SUPPLIED DATA section start

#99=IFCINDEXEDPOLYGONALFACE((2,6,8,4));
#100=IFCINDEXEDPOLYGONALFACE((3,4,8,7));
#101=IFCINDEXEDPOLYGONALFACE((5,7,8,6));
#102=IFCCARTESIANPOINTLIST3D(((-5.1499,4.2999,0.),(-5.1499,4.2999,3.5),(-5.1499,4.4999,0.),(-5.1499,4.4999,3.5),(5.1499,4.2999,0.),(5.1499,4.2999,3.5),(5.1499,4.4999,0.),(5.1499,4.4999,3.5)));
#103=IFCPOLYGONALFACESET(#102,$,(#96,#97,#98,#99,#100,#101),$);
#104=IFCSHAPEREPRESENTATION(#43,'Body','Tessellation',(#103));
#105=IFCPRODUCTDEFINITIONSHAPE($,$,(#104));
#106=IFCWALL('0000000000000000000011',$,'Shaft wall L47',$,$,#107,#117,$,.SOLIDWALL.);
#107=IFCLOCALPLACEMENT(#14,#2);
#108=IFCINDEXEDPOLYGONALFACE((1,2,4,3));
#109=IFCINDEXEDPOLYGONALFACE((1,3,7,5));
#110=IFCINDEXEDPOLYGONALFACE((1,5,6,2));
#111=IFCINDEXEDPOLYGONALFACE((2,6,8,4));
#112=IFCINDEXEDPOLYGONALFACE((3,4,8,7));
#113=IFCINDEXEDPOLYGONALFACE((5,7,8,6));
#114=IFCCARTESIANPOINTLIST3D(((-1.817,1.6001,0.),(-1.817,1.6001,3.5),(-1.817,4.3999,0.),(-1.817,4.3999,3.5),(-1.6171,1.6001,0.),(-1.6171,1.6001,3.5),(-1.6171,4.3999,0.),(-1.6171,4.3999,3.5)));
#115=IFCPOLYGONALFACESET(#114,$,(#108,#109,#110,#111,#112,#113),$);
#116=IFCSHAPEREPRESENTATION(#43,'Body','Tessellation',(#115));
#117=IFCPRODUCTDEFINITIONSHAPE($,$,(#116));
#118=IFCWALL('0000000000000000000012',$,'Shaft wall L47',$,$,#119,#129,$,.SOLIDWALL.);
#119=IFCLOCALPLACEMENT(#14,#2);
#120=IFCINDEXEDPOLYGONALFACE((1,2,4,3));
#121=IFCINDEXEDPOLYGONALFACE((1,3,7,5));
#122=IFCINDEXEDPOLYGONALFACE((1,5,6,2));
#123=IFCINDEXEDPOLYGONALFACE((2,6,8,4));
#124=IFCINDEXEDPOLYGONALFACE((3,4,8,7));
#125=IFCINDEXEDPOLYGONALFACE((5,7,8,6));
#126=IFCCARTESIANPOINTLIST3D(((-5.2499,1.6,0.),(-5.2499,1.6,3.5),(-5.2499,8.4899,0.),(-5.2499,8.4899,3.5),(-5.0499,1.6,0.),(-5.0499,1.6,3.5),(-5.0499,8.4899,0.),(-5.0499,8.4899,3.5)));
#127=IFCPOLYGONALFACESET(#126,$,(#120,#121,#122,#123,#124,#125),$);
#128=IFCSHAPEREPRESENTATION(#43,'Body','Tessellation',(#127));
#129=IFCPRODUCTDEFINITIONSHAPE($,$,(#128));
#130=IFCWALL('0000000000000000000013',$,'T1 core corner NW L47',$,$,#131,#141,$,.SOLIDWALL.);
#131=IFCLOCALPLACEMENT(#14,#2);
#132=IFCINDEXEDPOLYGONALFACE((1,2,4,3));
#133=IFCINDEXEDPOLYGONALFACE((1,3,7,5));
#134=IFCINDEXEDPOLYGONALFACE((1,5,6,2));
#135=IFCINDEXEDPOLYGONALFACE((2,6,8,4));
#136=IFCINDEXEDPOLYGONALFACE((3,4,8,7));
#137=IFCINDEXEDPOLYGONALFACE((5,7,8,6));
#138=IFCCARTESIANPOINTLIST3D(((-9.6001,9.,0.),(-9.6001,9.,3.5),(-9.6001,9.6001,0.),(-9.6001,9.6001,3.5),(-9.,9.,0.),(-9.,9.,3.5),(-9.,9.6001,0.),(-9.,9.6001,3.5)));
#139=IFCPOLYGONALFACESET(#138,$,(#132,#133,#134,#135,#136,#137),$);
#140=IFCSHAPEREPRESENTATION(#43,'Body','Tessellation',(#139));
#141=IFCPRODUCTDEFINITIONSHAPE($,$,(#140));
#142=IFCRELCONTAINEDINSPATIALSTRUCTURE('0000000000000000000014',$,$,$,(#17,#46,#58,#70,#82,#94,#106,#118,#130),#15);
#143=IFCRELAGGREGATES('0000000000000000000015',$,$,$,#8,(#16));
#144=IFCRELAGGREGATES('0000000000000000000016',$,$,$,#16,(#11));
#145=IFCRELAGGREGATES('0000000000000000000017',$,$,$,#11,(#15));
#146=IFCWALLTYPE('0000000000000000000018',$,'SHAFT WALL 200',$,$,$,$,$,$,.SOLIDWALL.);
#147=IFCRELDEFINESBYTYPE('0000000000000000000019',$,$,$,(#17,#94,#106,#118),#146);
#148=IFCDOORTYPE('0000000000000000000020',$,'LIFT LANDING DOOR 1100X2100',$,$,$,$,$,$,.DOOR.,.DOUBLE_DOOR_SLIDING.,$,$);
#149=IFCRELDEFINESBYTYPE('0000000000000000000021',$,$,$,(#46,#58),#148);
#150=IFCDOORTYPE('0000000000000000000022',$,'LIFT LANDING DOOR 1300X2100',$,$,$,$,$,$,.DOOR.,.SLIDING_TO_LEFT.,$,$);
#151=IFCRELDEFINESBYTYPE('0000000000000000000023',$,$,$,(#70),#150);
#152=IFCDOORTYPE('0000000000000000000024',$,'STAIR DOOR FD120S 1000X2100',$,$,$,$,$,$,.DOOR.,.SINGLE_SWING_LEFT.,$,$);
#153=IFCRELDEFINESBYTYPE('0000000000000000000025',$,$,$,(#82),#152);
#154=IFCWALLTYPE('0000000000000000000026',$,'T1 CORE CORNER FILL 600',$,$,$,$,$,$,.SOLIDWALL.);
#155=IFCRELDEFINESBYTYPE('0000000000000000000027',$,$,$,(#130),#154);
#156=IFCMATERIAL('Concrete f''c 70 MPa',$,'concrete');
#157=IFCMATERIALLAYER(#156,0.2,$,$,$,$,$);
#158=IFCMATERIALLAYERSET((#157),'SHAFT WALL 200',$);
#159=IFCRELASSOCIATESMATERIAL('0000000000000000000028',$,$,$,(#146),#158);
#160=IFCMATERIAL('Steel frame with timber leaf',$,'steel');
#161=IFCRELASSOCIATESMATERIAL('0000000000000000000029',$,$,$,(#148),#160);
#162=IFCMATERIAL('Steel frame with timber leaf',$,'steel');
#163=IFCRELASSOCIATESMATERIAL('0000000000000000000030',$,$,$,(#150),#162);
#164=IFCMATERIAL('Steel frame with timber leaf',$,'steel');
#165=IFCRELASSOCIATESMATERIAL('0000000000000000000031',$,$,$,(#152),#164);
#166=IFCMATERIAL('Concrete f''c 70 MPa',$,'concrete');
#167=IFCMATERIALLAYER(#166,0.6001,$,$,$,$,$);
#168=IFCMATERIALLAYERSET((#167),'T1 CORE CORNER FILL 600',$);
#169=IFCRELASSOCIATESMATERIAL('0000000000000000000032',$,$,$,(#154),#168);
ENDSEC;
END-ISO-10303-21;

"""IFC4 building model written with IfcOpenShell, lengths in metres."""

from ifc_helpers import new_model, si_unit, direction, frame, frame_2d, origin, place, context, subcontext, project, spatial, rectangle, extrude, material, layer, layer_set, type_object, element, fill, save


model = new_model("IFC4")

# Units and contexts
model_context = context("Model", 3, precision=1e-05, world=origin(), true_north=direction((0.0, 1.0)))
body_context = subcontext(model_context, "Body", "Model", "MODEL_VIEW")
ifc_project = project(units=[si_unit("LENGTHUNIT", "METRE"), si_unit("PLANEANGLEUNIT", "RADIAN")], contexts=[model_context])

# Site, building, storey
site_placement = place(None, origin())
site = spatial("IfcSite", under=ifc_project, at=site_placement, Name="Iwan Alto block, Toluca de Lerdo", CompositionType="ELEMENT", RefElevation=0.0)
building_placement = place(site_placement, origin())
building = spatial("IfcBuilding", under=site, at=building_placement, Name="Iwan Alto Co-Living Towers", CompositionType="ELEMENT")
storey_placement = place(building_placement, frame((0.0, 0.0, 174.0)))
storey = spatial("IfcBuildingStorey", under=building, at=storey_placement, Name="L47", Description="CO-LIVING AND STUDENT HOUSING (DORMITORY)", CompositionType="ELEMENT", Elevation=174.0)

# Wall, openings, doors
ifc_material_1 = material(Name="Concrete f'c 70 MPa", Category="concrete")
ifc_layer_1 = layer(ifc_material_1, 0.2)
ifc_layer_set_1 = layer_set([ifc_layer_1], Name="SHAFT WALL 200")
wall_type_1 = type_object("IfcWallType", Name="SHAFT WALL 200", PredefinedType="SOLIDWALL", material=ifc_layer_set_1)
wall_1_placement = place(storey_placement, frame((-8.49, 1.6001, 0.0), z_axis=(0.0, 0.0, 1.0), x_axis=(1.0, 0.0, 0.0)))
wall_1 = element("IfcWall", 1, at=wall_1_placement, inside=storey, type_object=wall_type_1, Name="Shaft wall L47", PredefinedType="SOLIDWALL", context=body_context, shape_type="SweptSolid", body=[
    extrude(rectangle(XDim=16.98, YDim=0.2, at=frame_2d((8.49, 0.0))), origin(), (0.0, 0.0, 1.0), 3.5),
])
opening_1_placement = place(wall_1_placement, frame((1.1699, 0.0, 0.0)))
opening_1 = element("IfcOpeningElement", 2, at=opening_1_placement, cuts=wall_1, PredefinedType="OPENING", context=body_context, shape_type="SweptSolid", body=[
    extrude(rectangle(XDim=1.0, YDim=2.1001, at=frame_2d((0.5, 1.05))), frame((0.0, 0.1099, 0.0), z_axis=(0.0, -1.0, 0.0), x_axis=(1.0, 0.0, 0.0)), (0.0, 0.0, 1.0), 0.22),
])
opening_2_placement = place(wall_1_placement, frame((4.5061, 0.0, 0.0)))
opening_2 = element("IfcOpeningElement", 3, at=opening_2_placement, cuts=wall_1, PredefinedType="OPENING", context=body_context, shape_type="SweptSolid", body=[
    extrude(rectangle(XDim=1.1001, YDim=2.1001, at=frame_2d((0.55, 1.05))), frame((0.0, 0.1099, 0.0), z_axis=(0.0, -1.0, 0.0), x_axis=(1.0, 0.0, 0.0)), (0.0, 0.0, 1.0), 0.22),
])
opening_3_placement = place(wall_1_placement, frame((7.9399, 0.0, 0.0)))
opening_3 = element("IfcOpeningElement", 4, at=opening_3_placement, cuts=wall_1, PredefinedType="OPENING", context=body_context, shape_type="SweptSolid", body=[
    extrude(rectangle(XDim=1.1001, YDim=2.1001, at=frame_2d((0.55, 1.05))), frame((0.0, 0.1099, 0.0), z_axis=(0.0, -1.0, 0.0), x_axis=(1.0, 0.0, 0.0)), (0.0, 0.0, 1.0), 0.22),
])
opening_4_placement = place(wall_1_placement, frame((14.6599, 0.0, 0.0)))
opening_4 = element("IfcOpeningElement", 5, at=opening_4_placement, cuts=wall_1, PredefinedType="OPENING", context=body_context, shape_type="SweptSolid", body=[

SUPPLIED DATA section end
SUPPLIED DATA section start

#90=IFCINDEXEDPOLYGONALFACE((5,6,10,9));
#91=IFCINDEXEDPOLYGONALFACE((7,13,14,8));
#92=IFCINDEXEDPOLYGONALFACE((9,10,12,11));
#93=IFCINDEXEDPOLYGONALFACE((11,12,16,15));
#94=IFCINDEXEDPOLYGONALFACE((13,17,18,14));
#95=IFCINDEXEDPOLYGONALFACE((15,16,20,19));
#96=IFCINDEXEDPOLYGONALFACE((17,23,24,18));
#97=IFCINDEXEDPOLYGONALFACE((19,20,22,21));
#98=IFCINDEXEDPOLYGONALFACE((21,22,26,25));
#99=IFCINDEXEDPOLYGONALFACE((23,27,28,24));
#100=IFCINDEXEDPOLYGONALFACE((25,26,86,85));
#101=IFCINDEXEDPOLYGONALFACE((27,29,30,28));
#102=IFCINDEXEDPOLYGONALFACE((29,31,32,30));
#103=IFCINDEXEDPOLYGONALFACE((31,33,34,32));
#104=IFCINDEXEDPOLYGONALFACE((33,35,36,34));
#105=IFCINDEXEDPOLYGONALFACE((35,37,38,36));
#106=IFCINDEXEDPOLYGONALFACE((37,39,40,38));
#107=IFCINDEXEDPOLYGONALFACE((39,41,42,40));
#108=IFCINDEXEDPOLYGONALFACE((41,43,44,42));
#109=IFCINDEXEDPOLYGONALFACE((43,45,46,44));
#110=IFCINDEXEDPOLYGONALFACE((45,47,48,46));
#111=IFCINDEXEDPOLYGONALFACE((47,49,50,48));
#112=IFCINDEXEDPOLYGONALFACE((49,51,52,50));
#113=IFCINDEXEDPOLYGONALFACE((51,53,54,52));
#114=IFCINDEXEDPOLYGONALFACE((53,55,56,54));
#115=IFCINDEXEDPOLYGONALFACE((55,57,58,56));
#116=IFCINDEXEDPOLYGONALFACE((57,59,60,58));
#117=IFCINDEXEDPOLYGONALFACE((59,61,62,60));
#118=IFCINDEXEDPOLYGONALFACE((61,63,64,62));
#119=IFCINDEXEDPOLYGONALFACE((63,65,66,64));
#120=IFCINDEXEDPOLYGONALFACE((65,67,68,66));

SUPPLIED DATA section end

- TASK STATEMENT:
Every line in the records that holds the word "subcontext" should be copied into the answer.

- OUTPUT FOR THIS TASK:
from ifc_helpers import new_model, si_unit, direction, frame, frame_2d, origin, place, context, subcontext, project, spatial, rectangle, extrude, material, layer, layer_set, type_object, element, fill, save
body_context = subcontext(model_context, "Body", "Model", "MODEL_VIEW")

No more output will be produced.